**** Exercise data ****

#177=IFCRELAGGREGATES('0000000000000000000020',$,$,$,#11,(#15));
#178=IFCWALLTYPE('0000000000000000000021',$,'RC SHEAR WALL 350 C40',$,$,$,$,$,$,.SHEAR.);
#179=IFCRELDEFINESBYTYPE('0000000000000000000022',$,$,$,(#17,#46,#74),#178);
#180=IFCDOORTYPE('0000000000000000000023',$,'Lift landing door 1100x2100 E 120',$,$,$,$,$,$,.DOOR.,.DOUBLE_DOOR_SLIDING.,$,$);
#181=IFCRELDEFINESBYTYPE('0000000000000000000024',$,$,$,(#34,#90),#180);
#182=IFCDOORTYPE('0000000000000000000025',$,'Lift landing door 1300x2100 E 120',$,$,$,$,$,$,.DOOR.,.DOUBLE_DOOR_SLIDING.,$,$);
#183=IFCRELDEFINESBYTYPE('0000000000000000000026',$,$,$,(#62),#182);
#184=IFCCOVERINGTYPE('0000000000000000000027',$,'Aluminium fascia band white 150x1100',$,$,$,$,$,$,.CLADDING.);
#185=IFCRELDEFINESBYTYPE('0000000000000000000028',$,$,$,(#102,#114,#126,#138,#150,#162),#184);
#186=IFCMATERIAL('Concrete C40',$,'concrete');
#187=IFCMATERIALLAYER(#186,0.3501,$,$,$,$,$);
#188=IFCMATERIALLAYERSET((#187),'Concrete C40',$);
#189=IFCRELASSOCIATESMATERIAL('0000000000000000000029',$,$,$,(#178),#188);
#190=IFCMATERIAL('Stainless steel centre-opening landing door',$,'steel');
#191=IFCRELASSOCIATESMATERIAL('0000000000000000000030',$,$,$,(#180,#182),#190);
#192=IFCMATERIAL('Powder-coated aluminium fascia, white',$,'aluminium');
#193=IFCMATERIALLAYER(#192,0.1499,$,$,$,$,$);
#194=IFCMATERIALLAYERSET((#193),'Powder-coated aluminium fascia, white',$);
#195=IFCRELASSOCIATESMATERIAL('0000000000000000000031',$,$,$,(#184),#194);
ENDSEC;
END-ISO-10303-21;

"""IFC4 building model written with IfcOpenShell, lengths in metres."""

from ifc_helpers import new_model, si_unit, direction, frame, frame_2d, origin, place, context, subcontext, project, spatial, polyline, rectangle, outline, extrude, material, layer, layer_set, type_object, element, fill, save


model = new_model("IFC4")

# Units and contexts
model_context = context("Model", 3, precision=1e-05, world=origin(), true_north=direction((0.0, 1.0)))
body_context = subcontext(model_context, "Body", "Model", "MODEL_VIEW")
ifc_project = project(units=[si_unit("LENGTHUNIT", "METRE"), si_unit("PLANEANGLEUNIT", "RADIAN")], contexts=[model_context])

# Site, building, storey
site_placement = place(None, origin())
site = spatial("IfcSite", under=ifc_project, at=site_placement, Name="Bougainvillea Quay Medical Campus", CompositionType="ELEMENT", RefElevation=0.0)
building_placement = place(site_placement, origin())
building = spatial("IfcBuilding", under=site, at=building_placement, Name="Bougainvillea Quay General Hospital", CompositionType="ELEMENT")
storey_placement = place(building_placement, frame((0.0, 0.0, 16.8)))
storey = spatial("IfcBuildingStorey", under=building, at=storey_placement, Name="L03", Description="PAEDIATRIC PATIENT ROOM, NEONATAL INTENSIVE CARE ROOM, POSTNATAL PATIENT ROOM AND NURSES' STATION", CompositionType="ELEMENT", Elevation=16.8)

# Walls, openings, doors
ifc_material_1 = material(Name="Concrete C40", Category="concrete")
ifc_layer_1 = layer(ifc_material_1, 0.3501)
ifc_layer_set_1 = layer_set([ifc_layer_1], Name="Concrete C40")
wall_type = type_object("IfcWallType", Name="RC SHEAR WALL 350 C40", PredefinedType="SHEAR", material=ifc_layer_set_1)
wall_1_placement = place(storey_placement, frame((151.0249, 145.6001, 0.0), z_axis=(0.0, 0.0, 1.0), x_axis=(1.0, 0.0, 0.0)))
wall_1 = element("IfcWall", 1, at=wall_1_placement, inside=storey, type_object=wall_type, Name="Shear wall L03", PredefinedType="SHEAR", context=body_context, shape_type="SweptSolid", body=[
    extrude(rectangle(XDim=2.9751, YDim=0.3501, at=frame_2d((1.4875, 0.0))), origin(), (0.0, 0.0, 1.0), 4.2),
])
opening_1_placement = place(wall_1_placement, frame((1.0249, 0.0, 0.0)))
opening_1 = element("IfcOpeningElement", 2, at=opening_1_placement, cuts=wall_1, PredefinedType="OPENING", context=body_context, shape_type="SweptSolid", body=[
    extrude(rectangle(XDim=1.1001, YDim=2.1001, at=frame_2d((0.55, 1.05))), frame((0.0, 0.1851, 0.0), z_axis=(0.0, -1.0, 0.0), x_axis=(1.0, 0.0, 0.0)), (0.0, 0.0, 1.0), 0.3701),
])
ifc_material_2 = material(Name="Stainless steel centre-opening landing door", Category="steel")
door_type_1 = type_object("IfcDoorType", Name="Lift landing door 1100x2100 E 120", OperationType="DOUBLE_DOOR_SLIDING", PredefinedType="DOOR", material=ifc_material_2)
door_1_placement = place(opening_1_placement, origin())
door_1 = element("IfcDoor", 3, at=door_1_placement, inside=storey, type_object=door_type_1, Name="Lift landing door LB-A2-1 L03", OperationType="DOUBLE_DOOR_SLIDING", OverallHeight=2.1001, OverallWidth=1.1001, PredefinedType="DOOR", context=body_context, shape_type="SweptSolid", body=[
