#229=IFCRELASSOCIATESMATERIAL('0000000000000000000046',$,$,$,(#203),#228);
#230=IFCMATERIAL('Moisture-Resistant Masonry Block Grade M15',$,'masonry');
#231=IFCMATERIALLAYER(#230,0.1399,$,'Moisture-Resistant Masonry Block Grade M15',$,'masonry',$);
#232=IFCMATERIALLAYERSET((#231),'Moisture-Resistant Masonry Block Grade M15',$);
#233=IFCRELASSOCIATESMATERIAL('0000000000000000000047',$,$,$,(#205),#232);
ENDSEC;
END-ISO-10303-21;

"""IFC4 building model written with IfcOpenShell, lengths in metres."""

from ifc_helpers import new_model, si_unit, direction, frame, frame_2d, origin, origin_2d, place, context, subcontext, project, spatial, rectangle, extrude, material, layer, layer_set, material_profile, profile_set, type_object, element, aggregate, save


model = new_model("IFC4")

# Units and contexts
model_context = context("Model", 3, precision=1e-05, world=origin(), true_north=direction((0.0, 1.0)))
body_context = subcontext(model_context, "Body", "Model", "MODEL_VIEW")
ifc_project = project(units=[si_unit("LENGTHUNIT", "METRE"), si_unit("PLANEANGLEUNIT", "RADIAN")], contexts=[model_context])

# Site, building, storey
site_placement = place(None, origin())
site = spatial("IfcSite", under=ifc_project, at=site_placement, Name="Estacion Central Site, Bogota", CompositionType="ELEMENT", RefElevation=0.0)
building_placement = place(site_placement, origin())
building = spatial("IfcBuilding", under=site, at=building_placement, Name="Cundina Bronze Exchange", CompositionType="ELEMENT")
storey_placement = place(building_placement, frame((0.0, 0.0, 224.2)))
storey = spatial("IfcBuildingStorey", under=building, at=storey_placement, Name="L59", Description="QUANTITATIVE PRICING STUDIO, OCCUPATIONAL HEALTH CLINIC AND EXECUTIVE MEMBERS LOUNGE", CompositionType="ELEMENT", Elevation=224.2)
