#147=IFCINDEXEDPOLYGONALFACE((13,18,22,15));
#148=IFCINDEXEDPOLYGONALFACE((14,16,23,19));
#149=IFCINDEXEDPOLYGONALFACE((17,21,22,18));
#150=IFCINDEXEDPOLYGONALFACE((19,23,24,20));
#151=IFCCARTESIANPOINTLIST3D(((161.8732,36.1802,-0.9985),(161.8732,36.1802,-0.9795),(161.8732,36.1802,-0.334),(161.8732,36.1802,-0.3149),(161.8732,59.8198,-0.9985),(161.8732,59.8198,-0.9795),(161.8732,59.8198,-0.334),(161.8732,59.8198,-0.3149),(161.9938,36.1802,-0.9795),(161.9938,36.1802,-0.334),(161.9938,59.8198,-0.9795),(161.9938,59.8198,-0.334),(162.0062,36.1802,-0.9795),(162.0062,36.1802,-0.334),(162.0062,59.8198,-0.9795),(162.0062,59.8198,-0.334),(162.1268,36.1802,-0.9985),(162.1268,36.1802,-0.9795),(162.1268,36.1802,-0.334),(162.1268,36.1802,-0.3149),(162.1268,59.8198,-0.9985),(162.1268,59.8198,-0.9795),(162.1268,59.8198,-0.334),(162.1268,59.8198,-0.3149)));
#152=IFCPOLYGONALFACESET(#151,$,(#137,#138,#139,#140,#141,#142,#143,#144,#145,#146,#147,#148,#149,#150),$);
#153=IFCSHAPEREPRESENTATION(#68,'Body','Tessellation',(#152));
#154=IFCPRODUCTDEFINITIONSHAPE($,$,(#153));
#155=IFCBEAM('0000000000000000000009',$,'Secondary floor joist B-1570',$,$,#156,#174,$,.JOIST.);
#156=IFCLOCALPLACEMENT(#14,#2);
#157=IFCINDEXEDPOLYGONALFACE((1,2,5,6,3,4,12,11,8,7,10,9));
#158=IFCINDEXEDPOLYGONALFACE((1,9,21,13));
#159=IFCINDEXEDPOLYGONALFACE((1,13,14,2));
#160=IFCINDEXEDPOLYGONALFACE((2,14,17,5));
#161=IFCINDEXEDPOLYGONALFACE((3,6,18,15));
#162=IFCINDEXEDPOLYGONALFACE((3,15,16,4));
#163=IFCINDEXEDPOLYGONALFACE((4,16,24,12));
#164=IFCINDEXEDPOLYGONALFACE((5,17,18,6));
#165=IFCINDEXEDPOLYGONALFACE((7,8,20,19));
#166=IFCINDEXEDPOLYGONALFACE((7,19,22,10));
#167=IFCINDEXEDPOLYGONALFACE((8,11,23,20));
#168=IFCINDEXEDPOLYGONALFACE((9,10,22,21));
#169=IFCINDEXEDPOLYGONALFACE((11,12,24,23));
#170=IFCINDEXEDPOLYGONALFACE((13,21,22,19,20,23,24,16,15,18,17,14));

****

*Your task*: Using the data above, reproduce exactly the lines from the line that contains "PRICING STUDIO, OCCUPATIONAL" through the line that contains "#149=IFCINDEXEDPOLYGONALFACE((17,21,22,18));", including both.

*Task solution*:
storey = spatial("IfcBuildingStorey", under=building, at=storey_placement, Name="L59", Description="QUANTITATIVE PRICING STUDIO, OCCUPATIONAL HEALTH CLINIC AND EXECUTIVE MEMBERS LOUNGE", CompositionType="ELEMENT", Elevation=224.2)
#147=IFCINDEXEDPOLYGONALFACE((13,18,22,15));
#148=IFCINDEXEDPOLYGONALFACE((14,16,23,19));
#149=IFCINDEXEDPOLYGONALFACE((17,21,22,18));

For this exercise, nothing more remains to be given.